• [HOW TO COMPLETE THIS TASK]:
Report each line from the entries in which "IFCRELASSOCIATESMATERIAL" can be found.

• [RECORDS FOR THIS EXERCISE]:
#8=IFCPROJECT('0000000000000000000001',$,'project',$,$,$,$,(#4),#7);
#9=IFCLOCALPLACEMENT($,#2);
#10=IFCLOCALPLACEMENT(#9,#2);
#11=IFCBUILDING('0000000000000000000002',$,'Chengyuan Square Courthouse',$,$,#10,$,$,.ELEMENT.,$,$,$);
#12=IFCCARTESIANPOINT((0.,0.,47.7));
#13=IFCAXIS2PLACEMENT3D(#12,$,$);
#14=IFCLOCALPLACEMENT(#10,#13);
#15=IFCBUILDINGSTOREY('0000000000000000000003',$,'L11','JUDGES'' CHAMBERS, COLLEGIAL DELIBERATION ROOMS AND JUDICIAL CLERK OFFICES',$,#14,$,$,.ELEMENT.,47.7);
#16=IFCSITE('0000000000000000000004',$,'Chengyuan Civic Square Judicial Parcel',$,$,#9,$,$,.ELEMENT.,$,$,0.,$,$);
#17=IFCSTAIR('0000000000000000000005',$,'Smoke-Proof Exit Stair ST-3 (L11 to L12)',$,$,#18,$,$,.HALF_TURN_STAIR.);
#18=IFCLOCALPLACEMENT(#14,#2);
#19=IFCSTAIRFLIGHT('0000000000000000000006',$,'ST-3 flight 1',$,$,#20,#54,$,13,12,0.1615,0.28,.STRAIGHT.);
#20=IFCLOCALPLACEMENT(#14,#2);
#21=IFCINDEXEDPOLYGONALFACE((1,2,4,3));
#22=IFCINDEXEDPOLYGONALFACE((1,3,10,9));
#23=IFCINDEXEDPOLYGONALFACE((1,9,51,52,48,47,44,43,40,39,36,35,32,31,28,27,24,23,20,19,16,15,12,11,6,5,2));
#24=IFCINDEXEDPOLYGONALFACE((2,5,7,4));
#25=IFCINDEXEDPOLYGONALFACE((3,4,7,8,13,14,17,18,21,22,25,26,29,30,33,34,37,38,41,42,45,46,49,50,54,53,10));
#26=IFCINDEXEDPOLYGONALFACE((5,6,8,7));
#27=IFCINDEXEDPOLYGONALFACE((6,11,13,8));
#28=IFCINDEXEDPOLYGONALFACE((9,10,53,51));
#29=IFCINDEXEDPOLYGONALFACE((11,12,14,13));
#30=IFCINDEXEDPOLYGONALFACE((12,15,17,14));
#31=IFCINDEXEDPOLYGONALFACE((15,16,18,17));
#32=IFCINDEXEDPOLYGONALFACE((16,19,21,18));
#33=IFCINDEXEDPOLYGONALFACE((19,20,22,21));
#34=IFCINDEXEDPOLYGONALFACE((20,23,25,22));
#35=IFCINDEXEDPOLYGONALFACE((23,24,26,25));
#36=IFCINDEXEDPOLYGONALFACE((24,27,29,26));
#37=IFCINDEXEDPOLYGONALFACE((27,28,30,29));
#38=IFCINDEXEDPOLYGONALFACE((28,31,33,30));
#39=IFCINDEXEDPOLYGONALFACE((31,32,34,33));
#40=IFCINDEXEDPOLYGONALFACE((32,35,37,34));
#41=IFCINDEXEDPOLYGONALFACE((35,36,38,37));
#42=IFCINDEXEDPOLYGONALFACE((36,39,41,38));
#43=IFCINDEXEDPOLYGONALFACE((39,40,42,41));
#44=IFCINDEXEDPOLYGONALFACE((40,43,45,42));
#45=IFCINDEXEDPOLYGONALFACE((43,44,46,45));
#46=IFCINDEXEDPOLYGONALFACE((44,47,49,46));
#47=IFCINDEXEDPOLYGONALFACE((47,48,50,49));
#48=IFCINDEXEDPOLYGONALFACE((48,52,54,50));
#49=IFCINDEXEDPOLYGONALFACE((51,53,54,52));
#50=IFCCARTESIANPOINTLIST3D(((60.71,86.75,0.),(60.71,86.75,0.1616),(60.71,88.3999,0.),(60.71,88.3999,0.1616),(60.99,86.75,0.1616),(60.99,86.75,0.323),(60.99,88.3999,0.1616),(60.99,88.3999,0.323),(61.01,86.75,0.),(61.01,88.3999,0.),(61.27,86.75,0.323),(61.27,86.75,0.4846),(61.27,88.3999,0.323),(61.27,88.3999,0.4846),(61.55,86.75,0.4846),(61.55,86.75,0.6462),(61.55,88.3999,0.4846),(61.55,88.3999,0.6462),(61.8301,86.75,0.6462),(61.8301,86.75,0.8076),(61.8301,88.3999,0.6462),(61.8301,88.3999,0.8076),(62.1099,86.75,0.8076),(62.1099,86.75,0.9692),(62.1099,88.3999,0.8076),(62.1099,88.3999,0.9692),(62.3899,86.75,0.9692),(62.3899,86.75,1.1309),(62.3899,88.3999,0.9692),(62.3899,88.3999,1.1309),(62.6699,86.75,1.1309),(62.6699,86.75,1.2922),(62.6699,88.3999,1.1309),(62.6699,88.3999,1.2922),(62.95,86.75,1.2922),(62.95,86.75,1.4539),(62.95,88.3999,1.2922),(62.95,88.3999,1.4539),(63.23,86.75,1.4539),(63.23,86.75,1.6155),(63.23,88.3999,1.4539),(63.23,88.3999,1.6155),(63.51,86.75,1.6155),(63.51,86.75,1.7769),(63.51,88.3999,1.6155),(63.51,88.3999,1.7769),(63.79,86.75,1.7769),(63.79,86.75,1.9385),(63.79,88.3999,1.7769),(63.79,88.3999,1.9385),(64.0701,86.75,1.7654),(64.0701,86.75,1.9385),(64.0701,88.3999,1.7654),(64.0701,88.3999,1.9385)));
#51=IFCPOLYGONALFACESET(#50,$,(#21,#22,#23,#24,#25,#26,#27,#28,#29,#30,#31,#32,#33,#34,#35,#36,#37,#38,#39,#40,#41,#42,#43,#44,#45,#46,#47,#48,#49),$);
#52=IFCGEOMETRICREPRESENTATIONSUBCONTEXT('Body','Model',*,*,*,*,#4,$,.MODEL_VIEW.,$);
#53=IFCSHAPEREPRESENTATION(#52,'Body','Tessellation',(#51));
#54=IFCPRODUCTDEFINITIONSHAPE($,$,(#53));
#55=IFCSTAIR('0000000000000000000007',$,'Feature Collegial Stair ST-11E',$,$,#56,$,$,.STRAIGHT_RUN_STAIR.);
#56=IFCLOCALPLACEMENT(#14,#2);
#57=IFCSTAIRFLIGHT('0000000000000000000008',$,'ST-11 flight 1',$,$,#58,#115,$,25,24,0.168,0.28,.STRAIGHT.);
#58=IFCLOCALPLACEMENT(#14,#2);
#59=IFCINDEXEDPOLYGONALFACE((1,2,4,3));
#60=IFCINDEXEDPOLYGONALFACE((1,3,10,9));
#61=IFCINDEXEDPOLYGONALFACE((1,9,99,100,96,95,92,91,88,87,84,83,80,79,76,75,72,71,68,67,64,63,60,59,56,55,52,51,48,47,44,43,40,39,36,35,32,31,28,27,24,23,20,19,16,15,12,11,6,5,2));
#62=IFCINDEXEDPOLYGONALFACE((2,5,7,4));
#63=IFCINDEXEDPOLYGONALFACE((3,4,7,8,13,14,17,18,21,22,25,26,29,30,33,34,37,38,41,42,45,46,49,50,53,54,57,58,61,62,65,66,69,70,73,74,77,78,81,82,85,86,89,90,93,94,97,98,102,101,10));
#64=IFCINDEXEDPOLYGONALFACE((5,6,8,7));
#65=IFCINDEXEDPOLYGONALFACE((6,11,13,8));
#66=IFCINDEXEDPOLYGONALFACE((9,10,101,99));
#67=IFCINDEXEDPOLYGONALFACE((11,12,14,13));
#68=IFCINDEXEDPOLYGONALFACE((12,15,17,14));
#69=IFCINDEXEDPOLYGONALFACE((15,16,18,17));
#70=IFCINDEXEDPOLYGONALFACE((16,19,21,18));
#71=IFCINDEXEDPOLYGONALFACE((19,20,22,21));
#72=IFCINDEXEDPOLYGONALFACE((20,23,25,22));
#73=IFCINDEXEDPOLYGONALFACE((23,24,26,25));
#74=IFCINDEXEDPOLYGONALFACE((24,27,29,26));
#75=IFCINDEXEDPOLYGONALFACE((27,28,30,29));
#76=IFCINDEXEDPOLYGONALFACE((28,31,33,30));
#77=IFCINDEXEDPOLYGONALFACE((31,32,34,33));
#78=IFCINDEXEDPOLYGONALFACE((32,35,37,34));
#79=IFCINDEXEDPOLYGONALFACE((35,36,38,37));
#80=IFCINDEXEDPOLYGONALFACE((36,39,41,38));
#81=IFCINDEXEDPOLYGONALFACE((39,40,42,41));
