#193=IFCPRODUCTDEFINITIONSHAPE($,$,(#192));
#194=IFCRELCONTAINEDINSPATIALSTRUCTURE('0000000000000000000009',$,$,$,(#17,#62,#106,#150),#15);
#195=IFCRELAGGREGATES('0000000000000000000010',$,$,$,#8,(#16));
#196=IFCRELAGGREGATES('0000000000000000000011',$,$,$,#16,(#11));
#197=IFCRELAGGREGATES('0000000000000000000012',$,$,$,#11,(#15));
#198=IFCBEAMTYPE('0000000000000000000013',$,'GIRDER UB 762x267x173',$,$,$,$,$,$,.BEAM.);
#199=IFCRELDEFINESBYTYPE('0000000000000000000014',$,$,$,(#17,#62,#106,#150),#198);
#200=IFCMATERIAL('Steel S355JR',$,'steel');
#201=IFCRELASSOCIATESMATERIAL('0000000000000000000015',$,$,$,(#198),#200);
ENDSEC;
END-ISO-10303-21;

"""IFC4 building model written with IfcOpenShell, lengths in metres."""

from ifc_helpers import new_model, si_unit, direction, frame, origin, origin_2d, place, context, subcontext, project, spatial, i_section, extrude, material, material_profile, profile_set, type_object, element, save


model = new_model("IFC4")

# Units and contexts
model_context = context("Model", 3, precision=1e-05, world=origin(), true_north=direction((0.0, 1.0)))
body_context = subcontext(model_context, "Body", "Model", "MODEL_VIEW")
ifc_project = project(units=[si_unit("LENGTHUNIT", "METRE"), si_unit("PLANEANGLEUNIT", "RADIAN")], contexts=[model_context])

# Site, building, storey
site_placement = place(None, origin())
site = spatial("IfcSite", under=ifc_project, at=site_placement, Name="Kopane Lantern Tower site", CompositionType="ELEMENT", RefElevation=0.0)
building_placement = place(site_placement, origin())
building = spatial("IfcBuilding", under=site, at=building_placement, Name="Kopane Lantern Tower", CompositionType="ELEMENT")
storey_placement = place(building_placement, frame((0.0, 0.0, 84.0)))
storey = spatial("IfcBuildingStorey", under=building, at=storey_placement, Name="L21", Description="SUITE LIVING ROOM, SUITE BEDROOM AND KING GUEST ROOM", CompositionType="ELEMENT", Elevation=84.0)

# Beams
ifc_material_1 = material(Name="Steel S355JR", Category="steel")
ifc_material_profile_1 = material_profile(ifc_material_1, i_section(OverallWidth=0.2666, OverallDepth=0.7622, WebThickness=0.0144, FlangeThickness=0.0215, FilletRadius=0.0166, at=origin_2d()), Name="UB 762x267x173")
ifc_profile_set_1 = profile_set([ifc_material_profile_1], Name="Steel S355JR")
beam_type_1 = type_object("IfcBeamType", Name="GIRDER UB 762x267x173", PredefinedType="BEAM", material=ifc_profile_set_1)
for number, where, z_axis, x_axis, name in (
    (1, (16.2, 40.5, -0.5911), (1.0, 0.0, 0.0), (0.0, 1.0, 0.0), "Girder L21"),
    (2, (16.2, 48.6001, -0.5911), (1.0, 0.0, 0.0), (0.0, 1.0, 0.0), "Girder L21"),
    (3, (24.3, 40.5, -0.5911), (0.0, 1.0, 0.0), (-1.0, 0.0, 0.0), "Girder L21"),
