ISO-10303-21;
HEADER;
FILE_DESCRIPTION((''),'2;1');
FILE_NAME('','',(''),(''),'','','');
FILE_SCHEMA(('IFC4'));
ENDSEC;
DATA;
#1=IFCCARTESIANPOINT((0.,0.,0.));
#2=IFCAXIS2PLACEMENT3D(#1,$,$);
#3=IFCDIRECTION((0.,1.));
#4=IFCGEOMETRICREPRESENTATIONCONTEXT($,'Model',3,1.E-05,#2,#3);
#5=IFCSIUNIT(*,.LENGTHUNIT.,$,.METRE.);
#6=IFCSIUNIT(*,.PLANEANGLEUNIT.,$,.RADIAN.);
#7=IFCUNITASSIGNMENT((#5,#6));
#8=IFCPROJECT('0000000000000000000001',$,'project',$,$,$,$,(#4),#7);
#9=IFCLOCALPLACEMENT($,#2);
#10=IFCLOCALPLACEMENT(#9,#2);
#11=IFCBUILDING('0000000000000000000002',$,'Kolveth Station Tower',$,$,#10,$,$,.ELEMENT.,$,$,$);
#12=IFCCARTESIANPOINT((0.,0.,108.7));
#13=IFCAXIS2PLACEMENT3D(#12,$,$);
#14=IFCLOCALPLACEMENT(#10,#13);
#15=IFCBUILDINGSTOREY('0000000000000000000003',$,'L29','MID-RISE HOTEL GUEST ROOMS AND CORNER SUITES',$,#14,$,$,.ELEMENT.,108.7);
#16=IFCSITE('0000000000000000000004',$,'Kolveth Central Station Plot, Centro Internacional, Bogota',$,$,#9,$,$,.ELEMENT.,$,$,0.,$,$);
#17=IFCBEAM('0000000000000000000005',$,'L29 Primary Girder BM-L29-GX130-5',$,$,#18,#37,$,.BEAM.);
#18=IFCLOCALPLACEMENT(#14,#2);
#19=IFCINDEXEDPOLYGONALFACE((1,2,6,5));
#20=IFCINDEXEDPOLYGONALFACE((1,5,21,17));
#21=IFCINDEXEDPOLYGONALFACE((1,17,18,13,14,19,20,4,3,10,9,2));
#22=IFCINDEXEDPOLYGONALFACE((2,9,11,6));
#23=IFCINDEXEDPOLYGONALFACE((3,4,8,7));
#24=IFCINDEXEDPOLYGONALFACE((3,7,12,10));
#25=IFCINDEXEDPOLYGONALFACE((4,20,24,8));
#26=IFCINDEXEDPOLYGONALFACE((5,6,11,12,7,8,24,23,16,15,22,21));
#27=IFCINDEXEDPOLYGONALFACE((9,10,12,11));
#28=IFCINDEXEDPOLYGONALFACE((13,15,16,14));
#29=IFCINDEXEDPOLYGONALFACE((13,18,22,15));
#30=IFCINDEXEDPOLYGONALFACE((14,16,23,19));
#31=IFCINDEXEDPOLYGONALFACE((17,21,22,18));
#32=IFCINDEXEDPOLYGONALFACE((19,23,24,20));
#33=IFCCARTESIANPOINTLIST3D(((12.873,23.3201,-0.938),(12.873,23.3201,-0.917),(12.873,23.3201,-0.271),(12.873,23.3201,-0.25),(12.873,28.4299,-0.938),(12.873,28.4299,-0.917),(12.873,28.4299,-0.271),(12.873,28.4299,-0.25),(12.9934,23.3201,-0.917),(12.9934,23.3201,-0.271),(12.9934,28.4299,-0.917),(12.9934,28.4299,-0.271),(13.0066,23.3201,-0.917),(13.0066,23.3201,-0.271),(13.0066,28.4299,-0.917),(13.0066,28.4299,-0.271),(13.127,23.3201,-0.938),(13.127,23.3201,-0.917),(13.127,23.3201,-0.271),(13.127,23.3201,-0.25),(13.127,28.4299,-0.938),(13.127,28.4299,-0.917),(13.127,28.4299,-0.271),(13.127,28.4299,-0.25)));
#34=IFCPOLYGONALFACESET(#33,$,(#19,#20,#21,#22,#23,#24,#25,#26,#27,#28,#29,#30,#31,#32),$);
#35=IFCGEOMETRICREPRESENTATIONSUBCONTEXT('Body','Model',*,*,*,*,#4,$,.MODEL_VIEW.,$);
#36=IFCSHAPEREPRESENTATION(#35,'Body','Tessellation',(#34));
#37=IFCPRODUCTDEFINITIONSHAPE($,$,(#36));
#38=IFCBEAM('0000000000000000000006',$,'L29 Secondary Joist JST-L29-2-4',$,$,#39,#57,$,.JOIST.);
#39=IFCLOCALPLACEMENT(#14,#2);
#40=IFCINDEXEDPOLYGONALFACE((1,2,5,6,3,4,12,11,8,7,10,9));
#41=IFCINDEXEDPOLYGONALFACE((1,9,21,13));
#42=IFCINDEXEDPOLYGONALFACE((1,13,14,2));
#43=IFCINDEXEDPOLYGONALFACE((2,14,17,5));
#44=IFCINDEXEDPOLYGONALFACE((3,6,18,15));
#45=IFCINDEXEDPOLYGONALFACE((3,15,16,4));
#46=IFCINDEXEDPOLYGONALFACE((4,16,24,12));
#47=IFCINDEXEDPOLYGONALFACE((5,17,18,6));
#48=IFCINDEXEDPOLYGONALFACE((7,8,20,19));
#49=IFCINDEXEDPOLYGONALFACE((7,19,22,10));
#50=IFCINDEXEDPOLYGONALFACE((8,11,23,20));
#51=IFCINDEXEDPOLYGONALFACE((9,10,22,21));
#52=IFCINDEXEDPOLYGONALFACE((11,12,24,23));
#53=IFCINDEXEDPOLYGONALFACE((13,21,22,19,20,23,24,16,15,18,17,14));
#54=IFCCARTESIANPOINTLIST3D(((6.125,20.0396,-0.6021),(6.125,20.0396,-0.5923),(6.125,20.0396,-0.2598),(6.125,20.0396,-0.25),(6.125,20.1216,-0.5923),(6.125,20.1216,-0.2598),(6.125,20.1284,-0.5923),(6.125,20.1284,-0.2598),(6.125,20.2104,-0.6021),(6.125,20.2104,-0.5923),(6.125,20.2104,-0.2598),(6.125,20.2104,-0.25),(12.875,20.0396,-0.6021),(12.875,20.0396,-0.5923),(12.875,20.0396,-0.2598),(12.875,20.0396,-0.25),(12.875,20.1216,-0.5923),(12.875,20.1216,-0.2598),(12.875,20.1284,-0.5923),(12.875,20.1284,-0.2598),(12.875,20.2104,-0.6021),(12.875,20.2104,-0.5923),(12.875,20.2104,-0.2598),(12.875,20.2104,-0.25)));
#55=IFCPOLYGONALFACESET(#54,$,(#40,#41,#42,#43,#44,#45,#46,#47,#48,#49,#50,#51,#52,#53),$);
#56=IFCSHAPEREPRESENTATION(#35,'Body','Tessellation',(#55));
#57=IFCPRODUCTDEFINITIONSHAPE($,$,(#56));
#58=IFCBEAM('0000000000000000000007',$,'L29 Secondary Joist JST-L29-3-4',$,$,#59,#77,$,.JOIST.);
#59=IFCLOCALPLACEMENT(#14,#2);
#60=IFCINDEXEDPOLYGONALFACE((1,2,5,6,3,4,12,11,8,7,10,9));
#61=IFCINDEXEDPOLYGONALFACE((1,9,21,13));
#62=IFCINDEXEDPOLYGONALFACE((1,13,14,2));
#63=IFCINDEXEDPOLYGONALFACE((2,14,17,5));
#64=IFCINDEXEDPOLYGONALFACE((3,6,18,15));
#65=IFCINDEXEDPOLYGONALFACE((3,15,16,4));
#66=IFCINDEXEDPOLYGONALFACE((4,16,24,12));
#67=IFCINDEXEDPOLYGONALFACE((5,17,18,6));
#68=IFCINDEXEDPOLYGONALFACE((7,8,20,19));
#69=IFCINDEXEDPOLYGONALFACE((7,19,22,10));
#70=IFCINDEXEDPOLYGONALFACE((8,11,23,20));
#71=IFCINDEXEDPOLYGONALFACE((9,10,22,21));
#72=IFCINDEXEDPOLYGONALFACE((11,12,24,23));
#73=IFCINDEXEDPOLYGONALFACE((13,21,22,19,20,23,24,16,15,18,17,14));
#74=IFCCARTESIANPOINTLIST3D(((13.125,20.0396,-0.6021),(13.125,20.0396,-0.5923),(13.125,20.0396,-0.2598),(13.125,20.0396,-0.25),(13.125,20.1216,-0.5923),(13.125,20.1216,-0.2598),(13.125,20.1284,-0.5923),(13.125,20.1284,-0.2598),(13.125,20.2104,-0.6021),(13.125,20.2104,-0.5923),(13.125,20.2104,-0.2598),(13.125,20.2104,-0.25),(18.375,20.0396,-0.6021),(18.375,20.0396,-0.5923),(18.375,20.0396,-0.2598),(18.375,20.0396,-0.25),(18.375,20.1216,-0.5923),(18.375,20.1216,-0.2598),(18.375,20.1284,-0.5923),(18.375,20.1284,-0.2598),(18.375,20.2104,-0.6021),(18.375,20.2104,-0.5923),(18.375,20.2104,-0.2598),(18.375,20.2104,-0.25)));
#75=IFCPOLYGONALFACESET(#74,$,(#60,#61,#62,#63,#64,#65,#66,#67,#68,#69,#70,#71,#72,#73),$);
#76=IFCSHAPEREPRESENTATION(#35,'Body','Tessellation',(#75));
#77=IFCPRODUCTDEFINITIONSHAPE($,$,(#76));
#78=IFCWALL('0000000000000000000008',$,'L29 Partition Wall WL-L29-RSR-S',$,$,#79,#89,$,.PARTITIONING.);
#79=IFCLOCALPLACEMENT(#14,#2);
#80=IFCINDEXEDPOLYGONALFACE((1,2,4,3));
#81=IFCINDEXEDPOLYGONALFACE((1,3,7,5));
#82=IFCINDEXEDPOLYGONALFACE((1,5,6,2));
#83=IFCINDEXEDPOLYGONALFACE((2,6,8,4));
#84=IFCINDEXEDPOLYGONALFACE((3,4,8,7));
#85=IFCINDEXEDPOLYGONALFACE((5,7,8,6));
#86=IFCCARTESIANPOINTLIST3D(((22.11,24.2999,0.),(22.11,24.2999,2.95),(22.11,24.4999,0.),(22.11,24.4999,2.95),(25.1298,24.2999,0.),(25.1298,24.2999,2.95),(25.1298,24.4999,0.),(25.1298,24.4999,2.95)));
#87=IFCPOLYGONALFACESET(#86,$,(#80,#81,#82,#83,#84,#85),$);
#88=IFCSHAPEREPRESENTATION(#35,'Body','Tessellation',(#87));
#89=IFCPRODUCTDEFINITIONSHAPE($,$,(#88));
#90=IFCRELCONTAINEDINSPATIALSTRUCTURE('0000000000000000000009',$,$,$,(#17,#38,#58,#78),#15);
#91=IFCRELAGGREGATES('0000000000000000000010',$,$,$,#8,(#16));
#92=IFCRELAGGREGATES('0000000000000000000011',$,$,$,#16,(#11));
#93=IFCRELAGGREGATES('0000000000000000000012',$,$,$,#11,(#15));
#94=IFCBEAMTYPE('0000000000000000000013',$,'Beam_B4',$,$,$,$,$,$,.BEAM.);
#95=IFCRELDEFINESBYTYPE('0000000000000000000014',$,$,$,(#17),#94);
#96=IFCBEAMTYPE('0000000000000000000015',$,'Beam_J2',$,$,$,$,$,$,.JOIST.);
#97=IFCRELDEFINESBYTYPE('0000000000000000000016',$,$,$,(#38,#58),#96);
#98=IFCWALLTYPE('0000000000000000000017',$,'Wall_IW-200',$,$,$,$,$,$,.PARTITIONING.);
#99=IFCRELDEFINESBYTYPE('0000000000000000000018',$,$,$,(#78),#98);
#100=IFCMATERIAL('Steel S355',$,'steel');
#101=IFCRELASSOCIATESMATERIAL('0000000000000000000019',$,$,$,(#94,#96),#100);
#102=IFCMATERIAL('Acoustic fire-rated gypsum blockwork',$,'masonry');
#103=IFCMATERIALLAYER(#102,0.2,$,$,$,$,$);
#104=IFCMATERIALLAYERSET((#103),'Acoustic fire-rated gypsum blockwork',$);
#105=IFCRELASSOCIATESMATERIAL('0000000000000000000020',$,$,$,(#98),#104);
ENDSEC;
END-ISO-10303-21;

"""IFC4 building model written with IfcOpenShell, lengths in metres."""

from ifc_helpers import new_model, si_unit, direction, frame, frame_2d, origin, origin_2d, place, context, subcontext, project, spatial, rectangle, i_section, extrude, source, transform, mapped, material, layer, layer_set, material_profile, profile_set, type_object, element, save


model = new_model("IFC4")

# Units and contexts
model_context = context("Model", 3, precision=1e-05, world=origin(), true_north=direction((0.0, 1.0)))
body_context = subcontext(model_context, "Body", "Model", "MODEL_VIEW")
ifc_project = project(units=[si_unit("LENGTHUNIT", "METRE"), si_unit("PLANEANGLEUNIT", "RADIAN")], contexts=[model_context])

# Site, building, storey
site_placement = place(None, origin())
site = spatial("IfcSite", under=ifc_project, at=site_placement, Name="Kolveth Central Station Plot, Centro Internacional, Bogota", CompositionType="ELEMENT", RefElevation=0.0)
building_placement = place(site_placement, origin())
building = spatial("IfcBuilding", under=site, at=building_placement, Name="Kolveth Station Tower", CompositionType="ELEMENT")
storey_placement = place(building_placement, frame((0.0, 0.0, 108.7)))
storey = spatial("IfcBuildingStorey", under=building, at=storey_placement, Name="L29", Description="MID-RISE HOTEL GUEST ROOMS AND CORNER SUITES", CompositionType="ELEMENT", Elevation=108.7)

# Shared definitions
ifc_material_1 = material(Name="Steel S355", Category="steel")

# Beams
ifc_material_profile_1 = material_profile(ifc_material_1, i_section(OverallWidth=0.2539, OverallDepth=0.688, WebThickness=0.0132, FlangeThickness=0.021, at=origin_2d()), Name="W690x152")
ifc_profile_set_1 = profile_set([ifc_material_profile_1], Name="Steel S355")
beam_type_1 = type_object("IfcBeamType", Name="Beam_B4", PredefinedType="BEAM", material=ifc_profile_set_1)
shared_shape_1 = source(origin(), body_context, "Body", "SweptSolid", [
    extrude(i_section(OverallWidth=0.2539, OverallDepth=0.688, WebThickness=0.0132, FlangeThickness=0.021, at=origin_2d()), origin(), (0.0, 0.0, 1.0), 5.1099),
])
for number, where, z_axis, x_axis, name in (
    (1, (13.0, 23.3201, -0.594), (0.0, 1.0, 0.0), (-1.0, 0.0, 0.0), "L29 Primary Girder BM-L29-GX130-5"),
):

• [REPLY TO THE TASK]:
#201=IFCRELASSOCIATESMATERIAL('0000000000000000000015',$,$,$,(#198),#200);
#101=IFCRELASSOCIATESMATERIAL('0000000000000000000019',$,$,$,(#94,#96),#100);
#105=IFCRELASSOCIATESMATERIAL('0000000000000000000020',$,$,$,(#98),#104);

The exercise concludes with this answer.